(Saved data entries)
•••

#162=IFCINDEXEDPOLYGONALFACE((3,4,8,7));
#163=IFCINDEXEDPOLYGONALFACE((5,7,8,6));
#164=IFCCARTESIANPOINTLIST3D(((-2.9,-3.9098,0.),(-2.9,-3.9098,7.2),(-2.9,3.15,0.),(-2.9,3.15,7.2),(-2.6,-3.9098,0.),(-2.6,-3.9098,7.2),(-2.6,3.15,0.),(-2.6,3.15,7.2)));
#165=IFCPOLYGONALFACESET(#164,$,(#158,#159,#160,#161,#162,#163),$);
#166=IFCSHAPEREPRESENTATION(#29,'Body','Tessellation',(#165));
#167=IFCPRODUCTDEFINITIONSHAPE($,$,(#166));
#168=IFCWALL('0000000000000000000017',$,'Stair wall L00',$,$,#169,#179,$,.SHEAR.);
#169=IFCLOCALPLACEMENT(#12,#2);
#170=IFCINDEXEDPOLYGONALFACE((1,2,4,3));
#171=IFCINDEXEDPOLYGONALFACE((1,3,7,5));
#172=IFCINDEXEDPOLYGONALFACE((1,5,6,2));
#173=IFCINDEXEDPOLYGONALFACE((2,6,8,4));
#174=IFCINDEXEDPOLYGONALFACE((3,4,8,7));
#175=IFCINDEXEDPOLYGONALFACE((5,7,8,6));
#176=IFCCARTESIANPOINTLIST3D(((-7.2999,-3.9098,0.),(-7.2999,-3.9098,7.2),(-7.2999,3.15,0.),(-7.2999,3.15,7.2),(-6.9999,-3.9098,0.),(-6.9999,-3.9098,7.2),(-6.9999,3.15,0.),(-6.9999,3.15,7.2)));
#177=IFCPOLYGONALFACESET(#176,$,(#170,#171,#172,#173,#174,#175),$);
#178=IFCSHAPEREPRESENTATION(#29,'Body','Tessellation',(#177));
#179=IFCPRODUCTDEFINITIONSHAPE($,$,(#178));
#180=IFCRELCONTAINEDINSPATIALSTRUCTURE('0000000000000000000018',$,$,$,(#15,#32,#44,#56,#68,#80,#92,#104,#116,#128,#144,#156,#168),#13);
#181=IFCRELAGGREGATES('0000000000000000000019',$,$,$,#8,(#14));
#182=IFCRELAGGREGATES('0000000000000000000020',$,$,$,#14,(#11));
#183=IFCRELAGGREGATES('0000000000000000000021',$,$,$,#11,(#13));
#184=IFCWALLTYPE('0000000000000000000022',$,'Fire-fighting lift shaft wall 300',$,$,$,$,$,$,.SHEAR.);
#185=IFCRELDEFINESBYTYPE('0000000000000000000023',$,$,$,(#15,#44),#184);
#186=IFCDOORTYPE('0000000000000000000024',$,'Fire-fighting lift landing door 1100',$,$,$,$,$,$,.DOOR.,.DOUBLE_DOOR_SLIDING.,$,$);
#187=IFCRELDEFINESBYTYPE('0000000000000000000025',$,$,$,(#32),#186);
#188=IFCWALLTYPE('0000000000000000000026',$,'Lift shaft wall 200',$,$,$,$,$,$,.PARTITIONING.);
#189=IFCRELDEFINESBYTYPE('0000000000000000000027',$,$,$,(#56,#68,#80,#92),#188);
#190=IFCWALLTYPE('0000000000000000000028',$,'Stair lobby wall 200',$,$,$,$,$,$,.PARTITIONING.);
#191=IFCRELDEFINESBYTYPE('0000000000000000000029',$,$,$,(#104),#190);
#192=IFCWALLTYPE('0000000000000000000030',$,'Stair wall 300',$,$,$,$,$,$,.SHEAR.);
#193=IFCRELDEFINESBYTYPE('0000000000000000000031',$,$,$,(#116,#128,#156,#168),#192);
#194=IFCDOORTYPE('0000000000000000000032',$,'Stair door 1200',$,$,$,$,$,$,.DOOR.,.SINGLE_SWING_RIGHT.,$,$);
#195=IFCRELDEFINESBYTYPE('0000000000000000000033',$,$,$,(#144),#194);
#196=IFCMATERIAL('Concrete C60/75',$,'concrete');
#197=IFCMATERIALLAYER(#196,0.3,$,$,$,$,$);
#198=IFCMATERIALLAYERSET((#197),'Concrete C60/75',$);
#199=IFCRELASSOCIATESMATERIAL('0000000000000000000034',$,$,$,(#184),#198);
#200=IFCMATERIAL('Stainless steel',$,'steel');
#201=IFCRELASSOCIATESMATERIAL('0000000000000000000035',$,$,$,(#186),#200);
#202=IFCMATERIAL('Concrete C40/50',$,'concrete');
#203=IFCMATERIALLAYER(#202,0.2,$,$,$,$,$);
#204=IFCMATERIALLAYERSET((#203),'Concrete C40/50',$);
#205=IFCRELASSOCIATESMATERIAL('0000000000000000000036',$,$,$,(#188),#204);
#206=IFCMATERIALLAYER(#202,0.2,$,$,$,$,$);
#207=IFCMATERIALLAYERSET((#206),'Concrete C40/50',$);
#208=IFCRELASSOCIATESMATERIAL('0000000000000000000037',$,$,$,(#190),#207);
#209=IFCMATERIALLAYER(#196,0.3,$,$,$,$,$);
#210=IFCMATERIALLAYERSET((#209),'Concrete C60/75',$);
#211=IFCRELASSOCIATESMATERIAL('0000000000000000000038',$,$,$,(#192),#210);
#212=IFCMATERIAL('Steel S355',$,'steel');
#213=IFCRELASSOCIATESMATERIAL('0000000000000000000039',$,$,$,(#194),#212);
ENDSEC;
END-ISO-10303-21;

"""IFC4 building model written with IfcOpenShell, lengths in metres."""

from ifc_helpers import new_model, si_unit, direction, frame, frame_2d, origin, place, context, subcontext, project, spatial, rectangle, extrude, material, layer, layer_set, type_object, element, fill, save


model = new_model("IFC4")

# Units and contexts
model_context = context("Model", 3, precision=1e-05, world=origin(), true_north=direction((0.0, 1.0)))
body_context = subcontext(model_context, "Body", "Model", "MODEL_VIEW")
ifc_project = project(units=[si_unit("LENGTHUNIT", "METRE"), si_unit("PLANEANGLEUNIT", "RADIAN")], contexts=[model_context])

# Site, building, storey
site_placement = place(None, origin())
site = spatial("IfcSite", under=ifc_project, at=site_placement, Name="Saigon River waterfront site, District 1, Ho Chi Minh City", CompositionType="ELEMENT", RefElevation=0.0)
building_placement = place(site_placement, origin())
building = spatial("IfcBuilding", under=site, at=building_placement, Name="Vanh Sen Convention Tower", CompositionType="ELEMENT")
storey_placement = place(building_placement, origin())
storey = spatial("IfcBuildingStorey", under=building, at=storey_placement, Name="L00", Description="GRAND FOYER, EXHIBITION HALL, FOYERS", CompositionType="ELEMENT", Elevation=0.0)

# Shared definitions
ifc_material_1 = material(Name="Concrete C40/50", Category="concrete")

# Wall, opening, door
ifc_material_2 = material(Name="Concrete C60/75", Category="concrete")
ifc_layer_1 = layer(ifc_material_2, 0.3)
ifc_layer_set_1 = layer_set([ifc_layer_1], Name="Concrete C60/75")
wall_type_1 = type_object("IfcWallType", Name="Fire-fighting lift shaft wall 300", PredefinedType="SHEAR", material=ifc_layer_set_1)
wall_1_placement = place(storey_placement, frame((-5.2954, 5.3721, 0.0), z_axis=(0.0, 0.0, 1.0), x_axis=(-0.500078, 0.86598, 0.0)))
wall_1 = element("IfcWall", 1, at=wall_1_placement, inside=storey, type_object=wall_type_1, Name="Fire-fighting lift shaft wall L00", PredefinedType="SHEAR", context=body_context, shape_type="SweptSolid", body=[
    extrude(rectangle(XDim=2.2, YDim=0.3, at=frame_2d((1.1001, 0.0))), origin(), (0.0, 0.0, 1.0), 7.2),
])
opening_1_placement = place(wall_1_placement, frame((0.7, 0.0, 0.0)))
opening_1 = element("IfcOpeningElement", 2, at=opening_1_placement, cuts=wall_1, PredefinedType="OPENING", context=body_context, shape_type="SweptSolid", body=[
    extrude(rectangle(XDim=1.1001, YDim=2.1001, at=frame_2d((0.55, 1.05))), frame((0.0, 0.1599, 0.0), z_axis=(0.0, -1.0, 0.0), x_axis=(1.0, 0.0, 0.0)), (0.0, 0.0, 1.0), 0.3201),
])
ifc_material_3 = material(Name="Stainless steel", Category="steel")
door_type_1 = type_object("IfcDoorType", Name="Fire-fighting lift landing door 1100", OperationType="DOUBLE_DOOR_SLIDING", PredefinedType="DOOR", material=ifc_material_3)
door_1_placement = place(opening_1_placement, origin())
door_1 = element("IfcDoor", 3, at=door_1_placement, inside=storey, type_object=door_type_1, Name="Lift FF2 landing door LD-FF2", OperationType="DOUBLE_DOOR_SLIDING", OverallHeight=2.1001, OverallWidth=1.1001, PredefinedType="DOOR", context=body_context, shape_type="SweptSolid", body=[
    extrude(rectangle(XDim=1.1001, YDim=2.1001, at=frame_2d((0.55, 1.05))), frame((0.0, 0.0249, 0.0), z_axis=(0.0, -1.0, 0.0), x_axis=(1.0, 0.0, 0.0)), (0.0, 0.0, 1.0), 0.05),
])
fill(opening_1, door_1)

•••

- INSTRUCTIONS TO FOLLOW:
Looking back over the data above, restate word for word the lines that begin at the line with "building model written" and end at the line with "waterfront site, District", inclusive.

- RESULT OF THIS TASK:
"""IFC4 building model written with IfcOpenShell, lengths in metres."""

from ifc_helpers import new_model, si_unit, direction, frame, frame_2d, origin, place, context, subcontext, project, spatial, rectangle, extrude, material, layer, layer_set, type_object, element, fill, save


model = new_model("IFC4")

# Units and contexts
model_context = context("Model", 3, precision=1e-05, world=origin(), true_north=direction((0.0, 1.0)))
body_context = subcontext(model_context, "Body", "Model", "MODEL_VIEW")
ifc_project = project(units=[si_unit("LENGTHUNIT", "METRE"), si_unit("PLANEANGLEUNIT", "RADIAN")], contexts=[model_context])

# Site, building, storey
site_placement = place(None, origin())
site = spatial("IfcSite", under=ifc_project, at=site_placement, Name="Saigon River waterfront site, District 1, Ho Chi Minh City", CompositionType="ELEMENT", RefElevation=0.0)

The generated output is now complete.